Requirement:
Retype, word for word, every line of the records below starting at the one that contains "#123=IFCRELAGGREGATES('0000000000000000000013',$,$,$,#8,(#16));" and ending at the one that contains "#128=IFCDOORTYPE('0000000000000000000018',$,'Fire door EI60"; include both of those lines and nothing more.

Task inputs Start Marker

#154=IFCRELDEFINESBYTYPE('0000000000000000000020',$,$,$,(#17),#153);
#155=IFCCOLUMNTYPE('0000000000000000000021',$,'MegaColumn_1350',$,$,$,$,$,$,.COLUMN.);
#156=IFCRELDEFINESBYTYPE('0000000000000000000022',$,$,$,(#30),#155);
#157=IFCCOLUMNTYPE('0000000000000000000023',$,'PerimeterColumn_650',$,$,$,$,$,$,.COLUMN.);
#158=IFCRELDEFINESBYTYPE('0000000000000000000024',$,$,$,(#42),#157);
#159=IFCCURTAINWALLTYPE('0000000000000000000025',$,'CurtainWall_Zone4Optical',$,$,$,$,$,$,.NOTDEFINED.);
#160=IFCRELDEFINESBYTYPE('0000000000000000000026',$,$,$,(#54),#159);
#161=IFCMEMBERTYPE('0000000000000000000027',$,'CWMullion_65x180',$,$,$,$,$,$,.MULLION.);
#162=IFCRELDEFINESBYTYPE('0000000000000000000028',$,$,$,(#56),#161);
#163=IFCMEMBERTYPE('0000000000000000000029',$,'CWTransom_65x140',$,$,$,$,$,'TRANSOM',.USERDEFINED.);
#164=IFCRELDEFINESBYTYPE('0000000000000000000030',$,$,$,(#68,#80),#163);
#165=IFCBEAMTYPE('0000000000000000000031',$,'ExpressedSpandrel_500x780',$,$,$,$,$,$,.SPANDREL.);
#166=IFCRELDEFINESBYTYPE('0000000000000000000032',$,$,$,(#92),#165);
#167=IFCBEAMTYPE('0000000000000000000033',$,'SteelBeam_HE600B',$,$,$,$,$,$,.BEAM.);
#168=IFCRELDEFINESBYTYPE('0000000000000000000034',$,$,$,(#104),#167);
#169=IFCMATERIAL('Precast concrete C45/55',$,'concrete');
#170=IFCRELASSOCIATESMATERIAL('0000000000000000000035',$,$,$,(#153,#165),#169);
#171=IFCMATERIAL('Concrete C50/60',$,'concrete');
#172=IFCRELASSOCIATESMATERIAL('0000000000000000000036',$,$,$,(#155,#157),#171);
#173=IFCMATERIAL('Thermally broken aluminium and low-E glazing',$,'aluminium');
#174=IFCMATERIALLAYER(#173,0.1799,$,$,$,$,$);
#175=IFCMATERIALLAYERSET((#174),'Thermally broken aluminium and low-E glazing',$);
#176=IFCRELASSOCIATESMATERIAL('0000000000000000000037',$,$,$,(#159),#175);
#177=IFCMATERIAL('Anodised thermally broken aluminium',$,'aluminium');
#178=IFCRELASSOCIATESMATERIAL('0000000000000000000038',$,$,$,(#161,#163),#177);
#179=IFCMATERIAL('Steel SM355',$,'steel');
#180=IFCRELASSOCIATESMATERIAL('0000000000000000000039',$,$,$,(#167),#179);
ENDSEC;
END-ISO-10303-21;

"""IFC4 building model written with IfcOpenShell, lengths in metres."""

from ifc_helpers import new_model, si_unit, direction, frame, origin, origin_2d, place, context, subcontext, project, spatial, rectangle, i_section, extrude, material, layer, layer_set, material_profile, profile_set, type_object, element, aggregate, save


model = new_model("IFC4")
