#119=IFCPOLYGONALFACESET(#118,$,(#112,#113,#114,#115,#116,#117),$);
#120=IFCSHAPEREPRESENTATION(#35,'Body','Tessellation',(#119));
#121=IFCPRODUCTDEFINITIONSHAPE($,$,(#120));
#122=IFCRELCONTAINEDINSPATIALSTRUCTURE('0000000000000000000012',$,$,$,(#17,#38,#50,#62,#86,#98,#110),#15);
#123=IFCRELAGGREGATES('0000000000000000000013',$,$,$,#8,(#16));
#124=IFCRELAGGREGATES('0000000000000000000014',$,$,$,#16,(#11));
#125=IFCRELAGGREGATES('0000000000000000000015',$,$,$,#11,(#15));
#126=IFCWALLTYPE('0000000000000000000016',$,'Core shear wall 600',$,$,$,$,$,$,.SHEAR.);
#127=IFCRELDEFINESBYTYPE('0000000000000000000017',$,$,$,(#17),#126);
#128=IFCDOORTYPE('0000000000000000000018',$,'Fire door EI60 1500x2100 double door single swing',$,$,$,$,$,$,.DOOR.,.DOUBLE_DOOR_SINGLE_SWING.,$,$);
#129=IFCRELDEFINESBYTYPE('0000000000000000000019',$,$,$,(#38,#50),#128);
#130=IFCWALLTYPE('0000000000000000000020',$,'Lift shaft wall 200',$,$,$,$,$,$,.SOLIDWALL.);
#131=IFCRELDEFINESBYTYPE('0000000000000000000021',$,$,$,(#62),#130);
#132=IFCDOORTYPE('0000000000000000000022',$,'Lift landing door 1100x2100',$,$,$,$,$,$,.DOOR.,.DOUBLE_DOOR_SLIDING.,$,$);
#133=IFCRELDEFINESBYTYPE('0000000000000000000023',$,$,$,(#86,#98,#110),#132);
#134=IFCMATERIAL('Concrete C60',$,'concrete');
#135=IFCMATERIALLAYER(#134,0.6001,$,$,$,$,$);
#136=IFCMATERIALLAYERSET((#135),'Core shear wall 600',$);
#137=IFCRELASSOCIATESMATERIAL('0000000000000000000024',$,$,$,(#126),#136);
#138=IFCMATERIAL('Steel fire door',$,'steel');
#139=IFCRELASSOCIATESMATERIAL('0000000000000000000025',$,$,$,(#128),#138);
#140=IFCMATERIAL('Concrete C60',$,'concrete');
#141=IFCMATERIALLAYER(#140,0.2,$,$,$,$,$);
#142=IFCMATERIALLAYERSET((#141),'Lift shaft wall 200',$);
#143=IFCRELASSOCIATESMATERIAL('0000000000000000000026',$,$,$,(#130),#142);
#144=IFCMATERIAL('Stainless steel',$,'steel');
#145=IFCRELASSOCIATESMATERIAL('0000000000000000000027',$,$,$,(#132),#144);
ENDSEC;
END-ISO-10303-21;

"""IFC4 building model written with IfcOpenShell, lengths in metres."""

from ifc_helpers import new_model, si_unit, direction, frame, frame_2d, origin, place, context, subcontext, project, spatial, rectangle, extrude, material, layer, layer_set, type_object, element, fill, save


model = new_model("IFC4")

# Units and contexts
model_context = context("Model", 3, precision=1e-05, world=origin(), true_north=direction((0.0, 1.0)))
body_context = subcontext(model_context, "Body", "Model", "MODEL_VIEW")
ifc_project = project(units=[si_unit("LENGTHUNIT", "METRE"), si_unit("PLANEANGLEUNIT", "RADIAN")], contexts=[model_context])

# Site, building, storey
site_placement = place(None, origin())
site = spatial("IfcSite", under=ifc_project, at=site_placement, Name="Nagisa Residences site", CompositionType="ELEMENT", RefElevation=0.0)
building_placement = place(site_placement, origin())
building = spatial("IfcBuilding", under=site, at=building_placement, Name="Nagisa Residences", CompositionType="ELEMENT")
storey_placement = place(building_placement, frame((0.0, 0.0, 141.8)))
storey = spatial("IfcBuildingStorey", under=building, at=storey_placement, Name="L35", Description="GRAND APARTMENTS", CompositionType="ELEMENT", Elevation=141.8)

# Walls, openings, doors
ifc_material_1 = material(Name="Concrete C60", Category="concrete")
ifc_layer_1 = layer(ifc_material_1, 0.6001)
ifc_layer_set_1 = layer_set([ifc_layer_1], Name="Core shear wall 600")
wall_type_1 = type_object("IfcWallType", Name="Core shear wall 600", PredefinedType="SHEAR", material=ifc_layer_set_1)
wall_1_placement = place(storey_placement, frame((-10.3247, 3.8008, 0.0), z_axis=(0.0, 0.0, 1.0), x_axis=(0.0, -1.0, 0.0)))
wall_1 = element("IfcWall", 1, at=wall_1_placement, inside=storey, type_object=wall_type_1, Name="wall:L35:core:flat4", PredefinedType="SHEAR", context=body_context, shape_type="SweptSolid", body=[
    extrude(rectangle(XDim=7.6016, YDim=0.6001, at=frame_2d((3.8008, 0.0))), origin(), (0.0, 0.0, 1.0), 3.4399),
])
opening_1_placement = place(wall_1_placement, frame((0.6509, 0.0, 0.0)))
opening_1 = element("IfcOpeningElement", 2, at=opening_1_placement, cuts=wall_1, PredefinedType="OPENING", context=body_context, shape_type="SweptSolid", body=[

Task inputs End Marker

Your solution:
#123=IFCRELAGGREGATES('0000000000000000000013',$,$,$,#8,(#16));
#124=IFCRELAGGREGATES('0000000000000000000014',$,$,$,#16,(#11));
#125=IFCRELAGGREGATES('0000000000000000000015',$,$,$,#11,(#15));
#126=IFCWALLTYPE('0000000000000000000016',$,'Core shear wall 600',$,$,$,$,$,$,.SHEAR.);
#127=IFCRELDEFINESBYTYPE('0000000000000000000017',$,$,$,(#17),#126);
#128=IFCDOORTYPE('0000000000000000000018',$,'Fire door EI60 1500x2100 double door single swing',$,$,$,$,$,$,.DOOR.,.DOUBLE_DOOR_SINGLE_SWING.,$,$);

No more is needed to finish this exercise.